### [WHAT THIS TASK INVOLVES]
Word for word, please restate the lines from the beginning of the data through the line in which "#30=IFCCOLUMN('0000000000000000000006',$,'L20 Perimeter Column" appears.

Dataset entries:
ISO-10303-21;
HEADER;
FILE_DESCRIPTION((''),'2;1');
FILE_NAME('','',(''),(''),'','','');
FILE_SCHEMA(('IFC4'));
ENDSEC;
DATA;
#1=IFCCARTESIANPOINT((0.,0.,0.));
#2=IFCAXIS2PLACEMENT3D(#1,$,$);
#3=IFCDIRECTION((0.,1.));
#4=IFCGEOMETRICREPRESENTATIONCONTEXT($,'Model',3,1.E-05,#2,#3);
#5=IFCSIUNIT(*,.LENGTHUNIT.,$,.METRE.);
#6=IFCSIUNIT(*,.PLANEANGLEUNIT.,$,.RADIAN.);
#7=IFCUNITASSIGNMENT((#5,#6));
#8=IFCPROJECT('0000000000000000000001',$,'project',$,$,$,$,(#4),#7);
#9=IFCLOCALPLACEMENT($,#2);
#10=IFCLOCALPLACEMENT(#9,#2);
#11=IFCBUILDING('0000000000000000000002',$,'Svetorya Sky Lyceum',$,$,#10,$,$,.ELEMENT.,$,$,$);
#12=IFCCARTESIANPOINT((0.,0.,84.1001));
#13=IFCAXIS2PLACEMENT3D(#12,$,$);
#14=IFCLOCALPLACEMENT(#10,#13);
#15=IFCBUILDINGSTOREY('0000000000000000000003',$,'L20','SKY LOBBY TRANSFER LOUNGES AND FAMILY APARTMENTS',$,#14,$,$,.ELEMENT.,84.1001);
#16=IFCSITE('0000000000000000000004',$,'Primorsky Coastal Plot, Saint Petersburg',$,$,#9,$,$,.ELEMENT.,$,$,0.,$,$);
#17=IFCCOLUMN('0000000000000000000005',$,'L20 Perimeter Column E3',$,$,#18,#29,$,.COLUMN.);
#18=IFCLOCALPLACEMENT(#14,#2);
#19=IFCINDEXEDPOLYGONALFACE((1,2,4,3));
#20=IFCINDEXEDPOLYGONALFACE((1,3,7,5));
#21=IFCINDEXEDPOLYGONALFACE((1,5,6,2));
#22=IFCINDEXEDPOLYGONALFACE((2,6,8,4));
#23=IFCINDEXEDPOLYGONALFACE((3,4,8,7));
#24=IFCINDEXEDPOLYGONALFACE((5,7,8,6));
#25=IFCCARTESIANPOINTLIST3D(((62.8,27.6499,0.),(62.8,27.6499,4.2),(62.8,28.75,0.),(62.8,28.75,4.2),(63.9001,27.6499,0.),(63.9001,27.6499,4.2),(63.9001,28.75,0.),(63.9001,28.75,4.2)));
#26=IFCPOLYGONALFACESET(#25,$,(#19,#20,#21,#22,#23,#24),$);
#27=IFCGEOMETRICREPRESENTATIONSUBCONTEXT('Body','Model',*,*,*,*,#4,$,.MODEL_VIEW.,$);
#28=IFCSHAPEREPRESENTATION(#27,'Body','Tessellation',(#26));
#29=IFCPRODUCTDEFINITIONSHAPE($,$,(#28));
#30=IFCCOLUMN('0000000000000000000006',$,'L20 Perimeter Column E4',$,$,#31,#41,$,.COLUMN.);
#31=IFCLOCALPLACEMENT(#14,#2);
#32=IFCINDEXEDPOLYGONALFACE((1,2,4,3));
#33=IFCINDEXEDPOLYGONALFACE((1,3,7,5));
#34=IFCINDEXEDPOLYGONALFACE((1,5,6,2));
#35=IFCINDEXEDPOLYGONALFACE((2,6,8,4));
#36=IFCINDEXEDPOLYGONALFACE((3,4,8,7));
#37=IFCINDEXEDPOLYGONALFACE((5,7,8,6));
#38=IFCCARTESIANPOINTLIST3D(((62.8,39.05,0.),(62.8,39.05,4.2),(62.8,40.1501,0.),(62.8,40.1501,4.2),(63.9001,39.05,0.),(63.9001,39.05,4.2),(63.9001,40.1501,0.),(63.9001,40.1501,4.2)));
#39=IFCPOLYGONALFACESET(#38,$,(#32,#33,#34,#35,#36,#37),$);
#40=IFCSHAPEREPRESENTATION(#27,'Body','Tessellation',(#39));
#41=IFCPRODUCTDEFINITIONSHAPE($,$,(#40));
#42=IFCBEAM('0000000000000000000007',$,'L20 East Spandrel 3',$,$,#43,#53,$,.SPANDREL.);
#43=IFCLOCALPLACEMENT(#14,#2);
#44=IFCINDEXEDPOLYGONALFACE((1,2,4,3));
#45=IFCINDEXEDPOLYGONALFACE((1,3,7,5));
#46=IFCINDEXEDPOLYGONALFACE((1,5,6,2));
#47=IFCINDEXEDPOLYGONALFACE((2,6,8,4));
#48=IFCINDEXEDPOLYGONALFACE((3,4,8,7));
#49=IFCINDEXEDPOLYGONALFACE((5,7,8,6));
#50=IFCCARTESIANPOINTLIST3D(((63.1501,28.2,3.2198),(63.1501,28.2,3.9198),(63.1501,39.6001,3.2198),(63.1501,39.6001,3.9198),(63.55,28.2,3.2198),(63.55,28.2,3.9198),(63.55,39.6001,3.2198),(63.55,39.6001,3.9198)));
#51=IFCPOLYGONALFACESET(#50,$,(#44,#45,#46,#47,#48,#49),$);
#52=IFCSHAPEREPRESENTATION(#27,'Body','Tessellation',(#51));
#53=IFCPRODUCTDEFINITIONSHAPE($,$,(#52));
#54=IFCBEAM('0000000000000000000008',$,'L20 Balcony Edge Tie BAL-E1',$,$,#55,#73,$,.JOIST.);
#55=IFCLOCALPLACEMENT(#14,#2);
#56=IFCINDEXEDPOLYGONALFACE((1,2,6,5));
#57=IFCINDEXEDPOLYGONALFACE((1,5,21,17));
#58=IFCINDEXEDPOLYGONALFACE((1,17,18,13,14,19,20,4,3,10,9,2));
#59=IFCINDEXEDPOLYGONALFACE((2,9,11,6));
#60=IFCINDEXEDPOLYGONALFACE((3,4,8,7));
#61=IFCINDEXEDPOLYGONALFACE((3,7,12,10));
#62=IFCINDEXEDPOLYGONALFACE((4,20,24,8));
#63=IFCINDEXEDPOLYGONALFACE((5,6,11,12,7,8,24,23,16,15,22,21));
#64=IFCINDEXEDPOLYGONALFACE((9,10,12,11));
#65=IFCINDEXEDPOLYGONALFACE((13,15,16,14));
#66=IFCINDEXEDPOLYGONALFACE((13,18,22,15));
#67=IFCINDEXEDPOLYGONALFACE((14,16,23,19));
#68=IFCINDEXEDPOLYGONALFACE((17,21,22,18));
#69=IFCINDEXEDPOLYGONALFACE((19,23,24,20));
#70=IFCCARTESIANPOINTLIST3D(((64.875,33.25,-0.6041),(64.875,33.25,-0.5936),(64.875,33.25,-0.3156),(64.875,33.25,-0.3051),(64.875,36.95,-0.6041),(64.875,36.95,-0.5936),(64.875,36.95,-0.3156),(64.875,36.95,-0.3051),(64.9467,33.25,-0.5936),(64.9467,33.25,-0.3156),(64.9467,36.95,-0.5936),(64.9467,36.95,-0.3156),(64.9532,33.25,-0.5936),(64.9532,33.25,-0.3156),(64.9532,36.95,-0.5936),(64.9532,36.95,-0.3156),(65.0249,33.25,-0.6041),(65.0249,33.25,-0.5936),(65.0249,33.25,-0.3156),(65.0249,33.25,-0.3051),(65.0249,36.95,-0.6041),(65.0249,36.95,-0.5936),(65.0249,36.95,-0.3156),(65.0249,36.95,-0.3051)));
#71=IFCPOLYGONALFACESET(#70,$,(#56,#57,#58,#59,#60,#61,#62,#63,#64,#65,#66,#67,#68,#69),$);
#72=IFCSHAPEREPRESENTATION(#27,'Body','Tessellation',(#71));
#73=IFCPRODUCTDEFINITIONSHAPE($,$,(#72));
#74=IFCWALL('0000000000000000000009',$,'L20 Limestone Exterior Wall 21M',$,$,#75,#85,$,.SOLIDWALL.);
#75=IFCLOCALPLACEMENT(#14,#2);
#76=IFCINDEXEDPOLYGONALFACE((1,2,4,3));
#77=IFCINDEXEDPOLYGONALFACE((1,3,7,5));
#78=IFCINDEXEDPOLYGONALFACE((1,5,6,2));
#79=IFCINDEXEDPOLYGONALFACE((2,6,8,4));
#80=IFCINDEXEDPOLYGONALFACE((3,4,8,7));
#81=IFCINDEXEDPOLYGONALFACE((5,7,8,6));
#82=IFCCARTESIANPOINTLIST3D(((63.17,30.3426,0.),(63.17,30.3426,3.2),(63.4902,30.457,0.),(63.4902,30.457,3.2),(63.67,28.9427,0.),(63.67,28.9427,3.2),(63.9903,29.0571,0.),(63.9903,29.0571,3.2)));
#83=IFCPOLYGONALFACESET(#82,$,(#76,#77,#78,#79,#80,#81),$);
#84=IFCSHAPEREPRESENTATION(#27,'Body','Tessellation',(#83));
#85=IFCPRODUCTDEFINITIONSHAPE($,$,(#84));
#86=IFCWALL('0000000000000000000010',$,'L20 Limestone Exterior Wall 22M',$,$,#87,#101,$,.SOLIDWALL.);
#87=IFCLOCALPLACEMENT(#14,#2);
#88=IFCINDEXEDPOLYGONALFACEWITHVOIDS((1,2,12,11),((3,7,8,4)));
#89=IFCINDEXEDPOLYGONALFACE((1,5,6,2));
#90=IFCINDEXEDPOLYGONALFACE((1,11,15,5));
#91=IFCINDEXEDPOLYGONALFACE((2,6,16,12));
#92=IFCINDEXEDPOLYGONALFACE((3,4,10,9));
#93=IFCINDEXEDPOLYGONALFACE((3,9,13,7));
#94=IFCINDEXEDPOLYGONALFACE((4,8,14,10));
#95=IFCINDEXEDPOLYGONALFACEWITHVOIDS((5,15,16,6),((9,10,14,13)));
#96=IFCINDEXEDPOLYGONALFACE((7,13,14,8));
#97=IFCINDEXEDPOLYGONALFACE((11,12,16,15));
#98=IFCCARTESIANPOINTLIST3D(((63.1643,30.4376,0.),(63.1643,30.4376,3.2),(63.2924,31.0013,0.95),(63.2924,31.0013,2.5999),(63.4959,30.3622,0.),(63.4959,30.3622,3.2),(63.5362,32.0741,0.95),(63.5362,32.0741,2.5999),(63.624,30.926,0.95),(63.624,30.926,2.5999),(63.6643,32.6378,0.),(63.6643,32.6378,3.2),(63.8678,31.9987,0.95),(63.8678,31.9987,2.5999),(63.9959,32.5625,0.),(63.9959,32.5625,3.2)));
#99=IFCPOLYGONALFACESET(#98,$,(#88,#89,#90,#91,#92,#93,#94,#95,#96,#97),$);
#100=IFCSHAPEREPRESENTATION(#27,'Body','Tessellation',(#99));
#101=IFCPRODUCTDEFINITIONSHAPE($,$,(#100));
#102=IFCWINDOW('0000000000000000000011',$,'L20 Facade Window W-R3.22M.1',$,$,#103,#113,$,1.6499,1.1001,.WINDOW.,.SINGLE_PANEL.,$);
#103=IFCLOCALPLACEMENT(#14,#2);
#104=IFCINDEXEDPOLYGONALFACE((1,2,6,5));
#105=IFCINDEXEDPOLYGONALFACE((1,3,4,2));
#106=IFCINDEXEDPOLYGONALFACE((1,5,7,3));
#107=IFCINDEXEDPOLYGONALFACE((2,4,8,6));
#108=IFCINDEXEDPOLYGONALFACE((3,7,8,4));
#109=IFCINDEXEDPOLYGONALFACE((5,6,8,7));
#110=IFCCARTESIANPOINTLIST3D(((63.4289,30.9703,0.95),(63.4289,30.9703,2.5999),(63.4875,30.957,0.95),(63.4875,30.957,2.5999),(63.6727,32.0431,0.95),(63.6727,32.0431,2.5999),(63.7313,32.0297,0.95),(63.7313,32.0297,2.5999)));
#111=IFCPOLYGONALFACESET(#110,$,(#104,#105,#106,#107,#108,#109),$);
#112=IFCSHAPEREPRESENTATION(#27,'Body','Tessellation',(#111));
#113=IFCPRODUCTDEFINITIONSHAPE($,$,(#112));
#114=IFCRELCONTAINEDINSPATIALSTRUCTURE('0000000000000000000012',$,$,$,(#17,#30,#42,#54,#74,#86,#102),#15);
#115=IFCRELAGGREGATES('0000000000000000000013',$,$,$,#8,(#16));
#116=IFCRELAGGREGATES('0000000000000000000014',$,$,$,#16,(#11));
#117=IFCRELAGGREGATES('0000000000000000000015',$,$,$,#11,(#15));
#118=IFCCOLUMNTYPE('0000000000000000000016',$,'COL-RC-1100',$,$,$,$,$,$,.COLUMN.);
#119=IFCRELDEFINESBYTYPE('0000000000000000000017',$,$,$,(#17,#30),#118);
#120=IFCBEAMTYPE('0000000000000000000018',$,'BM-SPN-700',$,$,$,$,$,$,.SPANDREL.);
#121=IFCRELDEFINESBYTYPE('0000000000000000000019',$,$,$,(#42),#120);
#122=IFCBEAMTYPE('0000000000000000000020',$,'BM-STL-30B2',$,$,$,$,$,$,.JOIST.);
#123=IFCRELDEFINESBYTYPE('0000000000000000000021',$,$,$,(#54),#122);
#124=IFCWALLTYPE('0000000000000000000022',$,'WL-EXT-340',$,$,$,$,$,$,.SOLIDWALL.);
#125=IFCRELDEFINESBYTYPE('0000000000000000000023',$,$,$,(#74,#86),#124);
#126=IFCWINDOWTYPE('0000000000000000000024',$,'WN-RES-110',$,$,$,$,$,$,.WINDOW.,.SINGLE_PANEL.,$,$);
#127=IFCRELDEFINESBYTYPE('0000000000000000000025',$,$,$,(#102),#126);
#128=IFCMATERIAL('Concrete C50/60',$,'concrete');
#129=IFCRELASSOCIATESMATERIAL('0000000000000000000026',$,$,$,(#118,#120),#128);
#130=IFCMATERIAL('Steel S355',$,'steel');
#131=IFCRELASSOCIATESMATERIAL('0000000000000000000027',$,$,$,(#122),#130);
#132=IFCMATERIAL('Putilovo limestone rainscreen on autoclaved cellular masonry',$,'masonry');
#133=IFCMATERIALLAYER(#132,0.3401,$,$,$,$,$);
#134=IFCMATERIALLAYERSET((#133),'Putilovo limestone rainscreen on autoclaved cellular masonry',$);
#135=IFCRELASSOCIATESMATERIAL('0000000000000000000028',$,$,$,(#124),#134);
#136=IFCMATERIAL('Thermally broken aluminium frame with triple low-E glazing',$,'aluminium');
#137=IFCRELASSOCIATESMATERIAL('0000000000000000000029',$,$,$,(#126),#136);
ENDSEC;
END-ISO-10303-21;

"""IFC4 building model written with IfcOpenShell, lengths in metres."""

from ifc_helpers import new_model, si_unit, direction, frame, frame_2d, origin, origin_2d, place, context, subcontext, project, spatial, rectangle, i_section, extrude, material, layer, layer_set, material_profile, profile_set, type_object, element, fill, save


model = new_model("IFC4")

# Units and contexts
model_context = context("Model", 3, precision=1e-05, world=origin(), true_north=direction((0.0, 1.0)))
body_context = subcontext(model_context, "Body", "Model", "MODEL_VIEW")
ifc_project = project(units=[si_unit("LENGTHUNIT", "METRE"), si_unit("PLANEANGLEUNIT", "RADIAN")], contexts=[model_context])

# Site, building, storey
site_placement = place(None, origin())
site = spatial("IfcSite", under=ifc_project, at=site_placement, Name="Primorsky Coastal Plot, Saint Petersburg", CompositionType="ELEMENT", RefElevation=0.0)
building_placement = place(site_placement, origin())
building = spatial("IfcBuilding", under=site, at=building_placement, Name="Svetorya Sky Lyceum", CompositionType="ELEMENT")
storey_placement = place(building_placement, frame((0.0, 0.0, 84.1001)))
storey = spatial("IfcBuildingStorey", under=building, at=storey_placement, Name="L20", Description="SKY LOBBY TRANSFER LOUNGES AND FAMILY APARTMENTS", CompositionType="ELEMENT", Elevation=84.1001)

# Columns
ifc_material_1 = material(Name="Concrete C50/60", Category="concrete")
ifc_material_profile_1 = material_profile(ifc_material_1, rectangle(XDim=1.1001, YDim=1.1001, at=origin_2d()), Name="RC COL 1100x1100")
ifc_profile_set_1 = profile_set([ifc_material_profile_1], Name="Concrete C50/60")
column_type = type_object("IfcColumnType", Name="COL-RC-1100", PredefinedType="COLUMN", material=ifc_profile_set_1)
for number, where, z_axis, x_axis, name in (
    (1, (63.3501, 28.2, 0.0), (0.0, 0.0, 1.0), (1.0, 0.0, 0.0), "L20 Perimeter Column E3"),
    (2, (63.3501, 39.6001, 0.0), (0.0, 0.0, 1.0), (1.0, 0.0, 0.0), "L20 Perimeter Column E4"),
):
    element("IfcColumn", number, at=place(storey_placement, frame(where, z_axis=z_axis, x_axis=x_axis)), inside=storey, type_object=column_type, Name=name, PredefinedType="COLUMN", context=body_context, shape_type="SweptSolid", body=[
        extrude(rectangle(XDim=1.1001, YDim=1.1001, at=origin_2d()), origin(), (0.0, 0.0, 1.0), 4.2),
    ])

### [EXPECTED ANSWER]
ISO-10303-21;
HEADER;
FILE_DESCRIPTION((''),'2;1');
FILE_NAME('','',(''),(''),'','','');
FILE_SCHEMA(('IFC4'));
ENDSEC;
DATA;
#1=IFCCARTESIANPOINT((0.,0.,0.));
#2=IFCAXIS2PLACEMENT3D(#1,$,$);
#3=IFCDIRECTION((0.,1.));
#4=IFCGEOMETRICREPRESENTATIONCONTEXT($,'Model',3,1.E-05,#2,#3);
#5=IFCSIUNIT(*,.LENGTHUNIT.,$,.METRE.);
#6=IFCSIUNIT(*,.PLANEANGLEUNIT.,$,.RADIAN.);
#7=IFCUNITASSIGNMENT((#5,#6));
#8=IFCPROJECT('0000000000000000000001',$,'project',$,$,$,$,(#4),#7);
#9=IFCLOCALPLACEMENT($,#2);
#10=IFCLOCALPLACEMENT(#9,#2);
#11=IFCBUILDING('0000000000000000000002',$,'Svetorya Sky Lyceum',$,$,#10,$,$,.ELEMENT.,$,$,$);
#12=IFCCARTESIANPOINT((0.,0.,84.1001));
#13=IFCAXIS2PLACEMENT3D(#12,$,$);
#14=IFCLOCALPLACEMENT(#10,#13);
#15=IFCBUILDINGSTOREY('0000000000000000000003',$,'L20','SKY LOBBY TRANSFER LOUNGES AND FAMILY APARTMENTS',$,#14,$,$,.ELEMENT.,84.1001);
#16=IFCSITE('0000000000000000000004',$,'Primorsky Coastal Plot, Saint Petersburg',$,$,#9,$,$,.ELEMENT.,$,$,0.,$,$);
#17=IFCCOLUMN('0000000000000000000005',$,'L20 Perimeter Column E3',$,$,#18,#29,$,.COLUMN.);
#18=IFCLOCALPLACEMENT(#14,#2);
#19=IFCINDEXEDPOLYGONALFACE((1,2,4,3));
#20=IFCINDEXEDPOLYGONALFACE((1,3,7,5));
#21=IFCINDEXEDPOLYGONALFACE((1,5,6,2));
#22=IFCINDEXEDPOLYGONALFACE((2,6,8,4));
#23=IFCINDEXEDPOLYGONALFACE((3,4,8,7));
#24=IFCINDEXEDPOLYGONALFACE((5,7,8,6));
#25=IFCCARTESIANPOINTLIST3D(((62.8,27.6499,0.),(62.8,27.6499,4.2),(62.8,28.75,0.),(62.8,28.75,4.2),(63.9001,27.6499,0.),(63.9001,27.6499,4.2),(63.9001,28.75,0.),(63.9001,28.75,4.2)));
#26=IFCPOLYGONALFACESET(#25,$,(#19,#20,#21,#22,#23,#24),$);
#27=IFCGEOMETRICREPRESENTATIONSUBCONTEXT('Body','Model',*,*,*,*,#4,$,.MODEL_VIEW.,$);
#28=IFCSHAPEREPRESENTATION(#27,'Body','Tessellation',(#26));
#29=IFCPRODUCTDEFINITIONSHAPE($,$,(#28));
#30=IFCCOLUMN('0000000000000000000006',$,'L20 Perimeter Column E4',$,$,#31,#41,$,.COLUMN.);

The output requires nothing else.